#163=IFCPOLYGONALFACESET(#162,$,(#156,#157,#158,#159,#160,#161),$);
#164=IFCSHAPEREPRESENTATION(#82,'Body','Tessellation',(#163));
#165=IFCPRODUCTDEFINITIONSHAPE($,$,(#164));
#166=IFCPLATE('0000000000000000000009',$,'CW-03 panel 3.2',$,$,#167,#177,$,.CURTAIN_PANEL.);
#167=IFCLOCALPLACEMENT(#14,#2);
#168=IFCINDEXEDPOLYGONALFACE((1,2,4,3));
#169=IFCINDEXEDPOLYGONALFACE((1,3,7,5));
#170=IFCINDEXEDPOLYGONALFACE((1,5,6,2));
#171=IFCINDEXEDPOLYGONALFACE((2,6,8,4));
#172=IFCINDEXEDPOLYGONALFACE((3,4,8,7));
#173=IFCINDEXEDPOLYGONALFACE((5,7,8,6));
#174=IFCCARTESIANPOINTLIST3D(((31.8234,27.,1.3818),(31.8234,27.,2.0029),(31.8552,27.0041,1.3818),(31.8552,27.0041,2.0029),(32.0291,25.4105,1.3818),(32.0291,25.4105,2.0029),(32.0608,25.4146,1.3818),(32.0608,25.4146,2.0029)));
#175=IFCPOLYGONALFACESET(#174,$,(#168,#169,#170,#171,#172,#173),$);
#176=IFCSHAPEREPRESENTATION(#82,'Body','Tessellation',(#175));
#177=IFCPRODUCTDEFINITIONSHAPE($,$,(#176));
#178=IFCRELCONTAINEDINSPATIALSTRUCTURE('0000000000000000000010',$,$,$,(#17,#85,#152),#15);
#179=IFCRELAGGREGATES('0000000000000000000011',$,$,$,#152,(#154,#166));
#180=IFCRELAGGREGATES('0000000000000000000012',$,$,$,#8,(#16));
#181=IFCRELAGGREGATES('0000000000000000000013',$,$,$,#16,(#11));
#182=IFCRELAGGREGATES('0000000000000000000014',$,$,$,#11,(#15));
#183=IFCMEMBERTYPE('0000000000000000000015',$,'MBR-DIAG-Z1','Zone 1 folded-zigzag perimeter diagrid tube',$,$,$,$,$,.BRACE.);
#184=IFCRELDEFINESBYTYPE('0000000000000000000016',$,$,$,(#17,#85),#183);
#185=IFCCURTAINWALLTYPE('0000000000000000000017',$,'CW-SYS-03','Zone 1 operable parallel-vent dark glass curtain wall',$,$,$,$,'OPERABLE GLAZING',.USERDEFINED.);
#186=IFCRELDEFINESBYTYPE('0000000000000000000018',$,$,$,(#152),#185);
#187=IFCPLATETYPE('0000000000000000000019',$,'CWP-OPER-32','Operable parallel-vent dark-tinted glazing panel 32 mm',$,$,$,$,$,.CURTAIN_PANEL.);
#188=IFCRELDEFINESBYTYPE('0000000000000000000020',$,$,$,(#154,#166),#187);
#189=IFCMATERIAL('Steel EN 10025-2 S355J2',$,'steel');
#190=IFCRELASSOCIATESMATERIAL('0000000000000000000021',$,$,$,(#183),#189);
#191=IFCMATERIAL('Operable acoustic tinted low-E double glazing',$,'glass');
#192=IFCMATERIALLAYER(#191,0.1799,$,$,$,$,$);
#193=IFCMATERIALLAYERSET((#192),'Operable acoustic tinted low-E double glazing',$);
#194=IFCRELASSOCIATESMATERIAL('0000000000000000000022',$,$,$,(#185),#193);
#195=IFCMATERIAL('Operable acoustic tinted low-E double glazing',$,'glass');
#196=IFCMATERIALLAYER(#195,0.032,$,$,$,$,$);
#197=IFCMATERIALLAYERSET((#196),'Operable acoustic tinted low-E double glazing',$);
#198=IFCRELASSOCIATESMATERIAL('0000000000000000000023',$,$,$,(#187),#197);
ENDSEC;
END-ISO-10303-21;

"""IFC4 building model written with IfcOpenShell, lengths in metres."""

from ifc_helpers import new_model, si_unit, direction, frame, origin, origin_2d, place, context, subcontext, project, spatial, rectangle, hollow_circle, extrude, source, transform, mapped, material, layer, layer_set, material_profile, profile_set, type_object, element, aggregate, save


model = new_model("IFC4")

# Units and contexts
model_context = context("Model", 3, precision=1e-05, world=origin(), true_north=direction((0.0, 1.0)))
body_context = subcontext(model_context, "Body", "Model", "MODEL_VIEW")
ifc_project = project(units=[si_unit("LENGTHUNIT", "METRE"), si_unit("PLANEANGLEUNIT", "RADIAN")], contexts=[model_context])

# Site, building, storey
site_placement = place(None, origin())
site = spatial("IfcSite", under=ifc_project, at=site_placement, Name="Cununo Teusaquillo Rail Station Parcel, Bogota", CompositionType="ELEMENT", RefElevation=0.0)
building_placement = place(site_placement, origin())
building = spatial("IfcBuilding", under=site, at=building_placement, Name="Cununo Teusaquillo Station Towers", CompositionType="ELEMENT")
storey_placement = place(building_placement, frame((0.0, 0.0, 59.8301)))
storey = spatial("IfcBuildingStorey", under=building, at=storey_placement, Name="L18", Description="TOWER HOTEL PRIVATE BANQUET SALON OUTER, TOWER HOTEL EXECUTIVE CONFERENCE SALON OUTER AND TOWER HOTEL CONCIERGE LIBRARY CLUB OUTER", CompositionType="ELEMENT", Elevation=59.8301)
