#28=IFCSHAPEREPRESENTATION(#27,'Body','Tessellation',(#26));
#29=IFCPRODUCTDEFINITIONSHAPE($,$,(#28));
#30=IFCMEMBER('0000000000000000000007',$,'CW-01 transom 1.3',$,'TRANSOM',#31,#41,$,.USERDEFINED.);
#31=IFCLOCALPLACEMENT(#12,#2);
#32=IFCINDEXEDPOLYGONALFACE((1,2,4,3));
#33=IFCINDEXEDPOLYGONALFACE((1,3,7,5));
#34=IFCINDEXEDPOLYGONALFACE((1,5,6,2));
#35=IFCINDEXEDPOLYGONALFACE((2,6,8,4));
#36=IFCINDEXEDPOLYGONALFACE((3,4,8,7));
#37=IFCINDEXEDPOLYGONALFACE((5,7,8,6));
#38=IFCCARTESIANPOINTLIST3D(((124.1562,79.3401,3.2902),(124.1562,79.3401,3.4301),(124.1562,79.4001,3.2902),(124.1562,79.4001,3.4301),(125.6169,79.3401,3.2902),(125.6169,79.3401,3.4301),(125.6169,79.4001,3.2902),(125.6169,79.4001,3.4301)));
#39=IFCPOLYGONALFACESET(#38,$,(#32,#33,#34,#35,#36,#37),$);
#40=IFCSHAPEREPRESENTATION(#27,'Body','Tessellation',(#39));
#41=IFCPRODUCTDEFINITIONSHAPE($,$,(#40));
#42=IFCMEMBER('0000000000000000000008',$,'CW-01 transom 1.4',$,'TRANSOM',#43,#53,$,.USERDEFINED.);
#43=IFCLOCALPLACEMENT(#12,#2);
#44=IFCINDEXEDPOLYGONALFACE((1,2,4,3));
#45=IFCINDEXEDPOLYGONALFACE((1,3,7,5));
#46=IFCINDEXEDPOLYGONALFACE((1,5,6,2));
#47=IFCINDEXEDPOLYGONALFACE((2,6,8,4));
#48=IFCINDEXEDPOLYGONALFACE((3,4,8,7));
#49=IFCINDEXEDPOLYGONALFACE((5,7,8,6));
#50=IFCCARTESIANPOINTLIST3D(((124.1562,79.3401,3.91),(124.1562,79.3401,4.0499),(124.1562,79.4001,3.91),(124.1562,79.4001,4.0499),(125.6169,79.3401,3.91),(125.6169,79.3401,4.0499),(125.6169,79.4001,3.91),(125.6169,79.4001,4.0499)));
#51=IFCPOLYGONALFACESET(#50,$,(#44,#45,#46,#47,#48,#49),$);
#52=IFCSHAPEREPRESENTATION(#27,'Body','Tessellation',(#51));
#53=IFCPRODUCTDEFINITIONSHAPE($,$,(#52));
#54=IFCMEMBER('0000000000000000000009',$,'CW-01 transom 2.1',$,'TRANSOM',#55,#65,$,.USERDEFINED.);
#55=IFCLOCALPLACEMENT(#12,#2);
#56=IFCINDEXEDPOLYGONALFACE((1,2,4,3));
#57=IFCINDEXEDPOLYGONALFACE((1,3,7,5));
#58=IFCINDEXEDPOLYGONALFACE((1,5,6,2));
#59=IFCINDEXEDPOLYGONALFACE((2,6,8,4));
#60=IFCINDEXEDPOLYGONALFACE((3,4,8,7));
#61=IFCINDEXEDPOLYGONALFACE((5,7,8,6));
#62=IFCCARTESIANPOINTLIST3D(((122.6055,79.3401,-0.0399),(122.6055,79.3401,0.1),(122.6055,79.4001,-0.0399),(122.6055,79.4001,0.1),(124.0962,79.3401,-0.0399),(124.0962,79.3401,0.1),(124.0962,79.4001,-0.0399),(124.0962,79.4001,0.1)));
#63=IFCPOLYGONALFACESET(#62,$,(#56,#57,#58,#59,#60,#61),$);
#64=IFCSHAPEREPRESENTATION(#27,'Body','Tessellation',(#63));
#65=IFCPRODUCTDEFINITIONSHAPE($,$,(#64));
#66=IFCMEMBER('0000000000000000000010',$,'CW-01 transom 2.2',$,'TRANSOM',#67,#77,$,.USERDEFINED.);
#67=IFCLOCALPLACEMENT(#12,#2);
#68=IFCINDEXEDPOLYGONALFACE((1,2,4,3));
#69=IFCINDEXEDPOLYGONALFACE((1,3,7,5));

—————

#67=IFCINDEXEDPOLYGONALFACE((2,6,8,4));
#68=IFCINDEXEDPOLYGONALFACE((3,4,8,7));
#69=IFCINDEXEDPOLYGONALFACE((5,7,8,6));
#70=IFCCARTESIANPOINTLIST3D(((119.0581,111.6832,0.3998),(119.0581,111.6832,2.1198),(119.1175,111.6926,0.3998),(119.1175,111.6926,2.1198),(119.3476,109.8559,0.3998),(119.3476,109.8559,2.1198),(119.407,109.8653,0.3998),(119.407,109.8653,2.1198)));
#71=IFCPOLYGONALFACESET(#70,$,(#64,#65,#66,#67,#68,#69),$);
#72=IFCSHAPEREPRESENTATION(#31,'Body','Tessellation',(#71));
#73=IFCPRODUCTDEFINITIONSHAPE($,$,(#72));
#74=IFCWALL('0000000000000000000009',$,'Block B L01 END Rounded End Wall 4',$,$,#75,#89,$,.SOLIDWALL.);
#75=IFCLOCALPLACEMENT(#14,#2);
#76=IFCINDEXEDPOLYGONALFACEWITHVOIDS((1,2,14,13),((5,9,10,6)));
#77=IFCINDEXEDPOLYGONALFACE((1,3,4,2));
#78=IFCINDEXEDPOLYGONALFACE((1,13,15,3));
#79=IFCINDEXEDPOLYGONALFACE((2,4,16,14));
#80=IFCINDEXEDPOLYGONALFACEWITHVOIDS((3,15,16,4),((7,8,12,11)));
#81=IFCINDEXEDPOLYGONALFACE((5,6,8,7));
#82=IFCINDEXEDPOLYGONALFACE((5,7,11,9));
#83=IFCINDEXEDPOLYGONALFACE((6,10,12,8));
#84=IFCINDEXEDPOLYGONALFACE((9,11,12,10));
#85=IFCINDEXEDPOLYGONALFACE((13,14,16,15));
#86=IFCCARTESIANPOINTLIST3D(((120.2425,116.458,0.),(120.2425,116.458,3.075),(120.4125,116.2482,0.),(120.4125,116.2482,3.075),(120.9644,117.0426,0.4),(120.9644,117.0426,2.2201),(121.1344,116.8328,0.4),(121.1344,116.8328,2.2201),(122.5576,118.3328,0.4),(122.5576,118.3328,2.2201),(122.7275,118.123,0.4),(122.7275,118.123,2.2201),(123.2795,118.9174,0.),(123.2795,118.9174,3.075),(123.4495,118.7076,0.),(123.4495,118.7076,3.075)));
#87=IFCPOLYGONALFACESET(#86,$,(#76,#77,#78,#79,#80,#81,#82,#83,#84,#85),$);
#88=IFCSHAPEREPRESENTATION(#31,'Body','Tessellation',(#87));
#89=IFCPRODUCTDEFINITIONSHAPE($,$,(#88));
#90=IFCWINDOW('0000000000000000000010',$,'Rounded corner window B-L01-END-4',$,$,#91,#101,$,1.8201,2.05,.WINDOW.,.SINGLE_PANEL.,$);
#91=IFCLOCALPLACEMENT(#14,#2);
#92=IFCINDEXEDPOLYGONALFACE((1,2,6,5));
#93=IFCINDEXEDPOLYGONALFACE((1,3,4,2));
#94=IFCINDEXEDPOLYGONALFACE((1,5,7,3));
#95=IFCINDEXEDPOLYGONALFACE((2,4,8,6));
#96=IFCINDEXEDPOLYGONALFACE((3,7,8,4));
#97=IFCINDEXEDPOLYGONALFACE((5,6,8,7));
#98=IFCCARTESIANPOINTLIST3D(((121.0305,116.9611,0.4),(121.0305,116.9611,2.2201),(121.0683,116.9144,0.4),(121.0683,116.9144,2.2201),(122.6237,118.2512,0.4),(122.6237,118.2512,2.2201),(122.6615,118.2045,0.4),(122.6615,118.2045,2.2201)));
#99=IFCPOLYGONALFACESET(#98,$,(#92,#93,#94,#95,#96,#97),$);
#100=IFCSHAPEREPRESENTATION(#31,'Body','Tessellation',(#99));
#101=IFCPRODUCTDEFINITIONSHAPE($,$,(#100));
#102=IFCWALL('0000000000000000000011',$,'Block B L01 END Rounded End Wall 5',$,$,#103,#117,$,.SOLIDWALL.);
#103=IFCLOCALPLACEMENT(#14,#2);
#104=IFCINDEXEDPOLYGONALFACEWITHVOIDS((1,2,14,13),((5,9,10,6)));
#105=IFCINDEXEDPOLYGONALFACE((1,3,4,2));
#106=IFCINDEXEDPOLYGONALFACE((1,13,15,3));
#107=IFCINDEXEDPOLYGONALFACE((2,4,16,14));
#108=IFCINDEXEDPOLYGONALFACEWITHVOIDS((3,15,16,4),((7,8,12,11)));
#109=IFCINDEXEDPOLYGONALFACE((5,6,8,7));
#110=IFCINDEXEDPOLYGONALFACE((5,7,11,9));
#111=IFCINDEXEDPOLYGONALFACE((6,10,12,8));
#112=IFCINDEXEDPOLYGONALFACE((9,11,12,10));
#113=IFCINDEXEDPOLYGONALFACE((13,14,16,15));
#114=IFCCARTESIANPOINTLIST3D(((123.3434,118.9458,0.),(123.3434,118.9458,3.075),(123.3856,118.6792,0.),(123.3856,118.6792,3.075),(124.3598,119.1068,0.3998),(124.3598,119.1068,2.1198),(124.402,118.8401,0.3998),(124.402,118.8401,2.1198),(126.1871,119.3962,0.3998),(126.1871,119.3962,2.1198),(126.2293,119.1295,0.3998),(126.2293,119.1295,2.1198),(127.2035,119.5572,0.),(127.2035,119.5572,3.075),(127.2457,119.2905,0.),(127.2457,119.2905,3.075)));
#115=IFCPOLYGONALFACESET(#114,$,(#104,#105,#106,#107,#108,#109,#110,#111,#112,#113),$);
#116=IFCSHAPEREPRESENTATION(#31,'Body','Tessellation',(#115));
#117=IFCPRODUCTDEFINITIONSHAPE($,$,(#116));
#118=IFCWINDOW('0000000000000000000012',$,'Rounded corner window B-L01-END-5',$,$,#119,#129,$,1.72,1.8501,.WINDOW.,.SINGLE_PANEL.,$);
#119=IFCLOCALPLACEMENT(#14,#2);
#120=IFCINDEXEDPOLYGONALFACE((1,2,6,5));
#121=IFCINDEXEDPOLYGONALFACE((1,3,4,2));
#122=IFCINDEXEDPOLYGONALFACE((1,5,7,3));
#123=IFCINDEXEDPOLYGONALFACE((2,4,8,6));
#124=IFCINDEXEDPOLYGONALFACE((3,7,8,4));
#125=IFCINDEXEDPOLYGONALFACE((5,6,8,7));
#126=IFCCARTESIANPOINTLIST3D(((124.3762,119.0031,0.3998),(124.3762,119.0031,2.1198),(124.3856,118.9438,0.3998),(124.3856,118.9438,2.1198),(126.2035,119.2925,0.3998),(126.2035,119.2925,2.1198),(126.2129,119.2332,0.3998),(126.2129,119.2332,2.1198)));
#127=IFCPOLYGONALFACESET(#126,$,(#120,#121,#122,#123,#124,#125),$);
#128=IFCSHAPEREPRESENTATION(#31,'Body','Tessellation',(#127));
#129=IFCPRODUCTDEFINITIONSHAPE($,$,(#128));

—————

About this exercise: Copy out each line from the listing that contains the string "WINDOW".

Task result:
#90=IFCWINDOW('0000000000000000000010',$,'Rounded corner window B-L01-END-4',$,$,#91,#101,$,1.8201,2.05,.WINDOW.,.SINGLE_PANEL.,$);
#118=IFCWINDOW('0000000000000000000012',$,'Rounded corner window B-L01-END-5',$,$,#119,#129,$,1.72,1.8501,.WINDOW.,.SINGLE_PANEL.,$);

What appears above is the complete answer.